START DATA EXTRACT

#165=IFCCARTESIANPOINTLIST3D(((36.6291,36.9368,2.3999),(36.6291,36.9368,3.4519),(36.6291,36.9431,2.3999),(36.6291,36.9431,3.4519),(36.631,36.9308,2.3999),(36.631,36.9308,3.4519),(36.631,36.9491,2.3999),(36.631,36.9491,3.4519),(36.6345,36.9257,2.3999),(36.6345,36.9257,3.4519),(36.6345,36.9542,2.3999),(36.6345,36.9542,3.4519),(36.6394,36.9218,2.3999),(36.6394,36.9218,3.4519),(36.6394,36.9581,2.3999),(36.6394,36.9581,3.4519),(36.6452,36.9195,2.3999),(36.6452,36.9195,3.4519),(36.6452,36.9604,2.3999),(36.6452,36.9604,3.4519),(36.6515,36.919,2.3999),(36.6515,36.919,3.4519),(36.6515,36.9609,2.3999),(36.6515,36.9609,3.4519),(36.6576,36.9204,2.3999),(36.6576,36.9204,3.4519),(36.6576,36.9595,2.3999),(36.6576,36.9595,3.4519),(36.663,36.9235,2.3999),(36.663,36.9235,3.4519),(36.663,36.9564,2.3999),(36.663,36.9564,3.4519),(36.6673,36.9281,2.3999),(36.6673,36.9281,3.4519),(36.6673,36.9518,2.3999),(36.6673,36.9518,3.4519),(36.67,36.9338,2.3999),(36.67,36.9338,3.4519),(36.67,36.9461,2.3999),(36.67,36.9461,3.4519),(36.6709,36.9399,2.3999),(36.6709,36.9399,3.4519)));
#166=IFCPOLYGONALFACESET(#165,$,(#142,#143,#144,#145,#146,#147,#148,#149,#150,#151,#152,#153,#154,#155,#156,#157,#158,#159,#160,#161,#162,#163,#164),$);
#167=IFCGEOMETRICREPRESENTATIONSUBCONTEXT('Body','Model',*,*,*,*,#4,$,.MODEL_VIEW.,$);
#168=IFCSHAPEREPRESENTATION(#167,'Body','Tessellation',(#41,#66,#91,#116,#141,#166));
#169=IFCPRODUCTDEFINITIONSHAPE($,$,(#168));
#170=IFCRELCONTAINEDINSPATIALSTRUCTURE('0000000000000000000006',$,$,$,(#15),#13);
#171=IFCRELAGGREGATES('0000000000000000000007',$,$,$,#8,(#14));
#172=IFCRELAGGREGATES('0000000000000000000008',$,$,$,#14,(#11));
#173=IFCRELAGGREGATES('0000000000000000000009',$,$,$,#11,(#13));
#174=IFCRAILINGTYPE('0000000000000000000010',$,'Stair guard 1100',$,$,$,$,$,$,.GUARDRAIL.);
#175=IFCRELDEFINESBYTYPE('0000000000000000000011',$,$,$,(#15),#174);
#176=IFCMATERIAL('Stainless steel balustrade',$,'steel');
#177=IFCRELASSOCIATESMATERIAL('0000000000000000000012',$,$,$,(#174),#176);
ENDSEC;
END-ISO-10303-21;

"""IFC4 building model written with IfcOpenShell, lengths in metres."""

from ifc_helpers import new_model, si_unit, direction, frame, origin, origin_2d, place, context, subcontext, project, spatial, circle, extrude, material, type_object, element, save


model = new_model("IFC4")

END DATA EXTRACT

→ **BRIEF**: Every record must appear in the answer exactly as it appears above.

→ **SOLUTION BELOW**:
#165=IFCCARTESIANPOINTLIST3D(((36.6291,36.9368,2.3999),(36.6291,36.9368,3.4519),(36.6291,36.9431,2.3999),(36.6291,36.9431,3.4519),(36.631,36.9308,2.3999),(36.631,36.9308,3.4519),(36.631,36.9491,2.3999),(36.631,36.9491,3.4519),(36.6345,36.9257,2.3999),(36.6345,36.9257,3.4519),(36.6345,36.9542,2.3999),(36.6345,36.9542,3.4519),(36.6394,36.9218,2.3999),(36.6394,36.9218,3.4519),(36.6394,36.9581,2.3999),(36.6394,36.9581,3.4519),(36.6452,36.9195,2.3999),(36.6452,36.9195,3.4519),(36.6452,36.9604,2.3999),(36.6452,36.9604,3.4519),(36.6515,36.919,2.3999),(36.6515,36.919,3.4519),(36.6515,36.9609,2.3999),(36.6515,36.9609,3.4519),(36.6576,36.9204,2.3999),(36.6576,36.9204,3.4519),(36.6576,36.9595,2.3999),(36.6576,36.9595,3.4519),(36.663,36.9235,2.3999),(36.663,36.9235,3.4519),(36.663,36.9564,2.3999),(36.663,36.9564,3.4519),(36.6673,36.9281,2.3999),(36.6673,36.9281,3.4519),(36.6673,36.9518,2.3999),(36.6673,36.9518,3.4519),(36.67,36.9338,2.3999),(36.67,36.9338,3.4519),(36.67,36.9461,2.3999),(36.67,36.9461,3.4519),(36.6709,36.9399,2.3999),(36.6709,36.9399,3.4519)));
#166=IFCPOLYGONALFACESET(#165,$,(#142,#143,#144,#145,#146,#147,#148,#149,#150,#151,#152,#153,#154,#155,#156,#157,#158,#159,#160,#161,#162,#163,#164),$);
#167=IFCGEOMETRICREPRESENTATIONSUBCONTEXT('Body','Model',*,*,*,*,#4,$,.MODEL_VIEW.,$);
#168=IFCSHAPEREPRESENTATION(#167,'Body','Tessellation',(#41,#66,#91,#116,#141,#166));
#169=IFCPRODUCTDEFINITIONSHAPE($,$,(#168));
#170=IFCRELCONTAINEDINSPATIALSTRUCTURE('0000000000000000000006',$,$,$,(#15),#13);
#171=IFCRELAGGREGATES('0000000000000000000007',$,$,$,#8,(#14));
#172=IFCRELAGGREGATES('0000000000000000000008',$,$,$,#14,(#11));
#173=IFCRELAGGREGATES('0000000000000000000009',$,$,$,#11,(#13));
#174=IFCRAILINGTYPE('0000000000000000000010',$,'Stair guard 1100',$,$,$,$,$,$,.GUARDRAIL.);
#175=IFCRELDEFINESBYTYPE('0000000000000000000011',$,$,$,(#15),#174);
#176=IFCMATERIAL('Stainless steel balustrade',$,'steel');
#177=IFCRELASSOCIATESMATERIAL('0000000000000000000012',$,$,$,(#174),#176);
ENDSEC;
END-ISO-10303-21;

"""IFC4 building model written with IfcOpenShell, lengths in metres."""

from ifc_helpers import new_model, si_unit, direction, frame, origin, origin_2d, place, context, subcontext, project, spatial, circle, extrude, material, type_object, element, save


model = new_model("IFC4")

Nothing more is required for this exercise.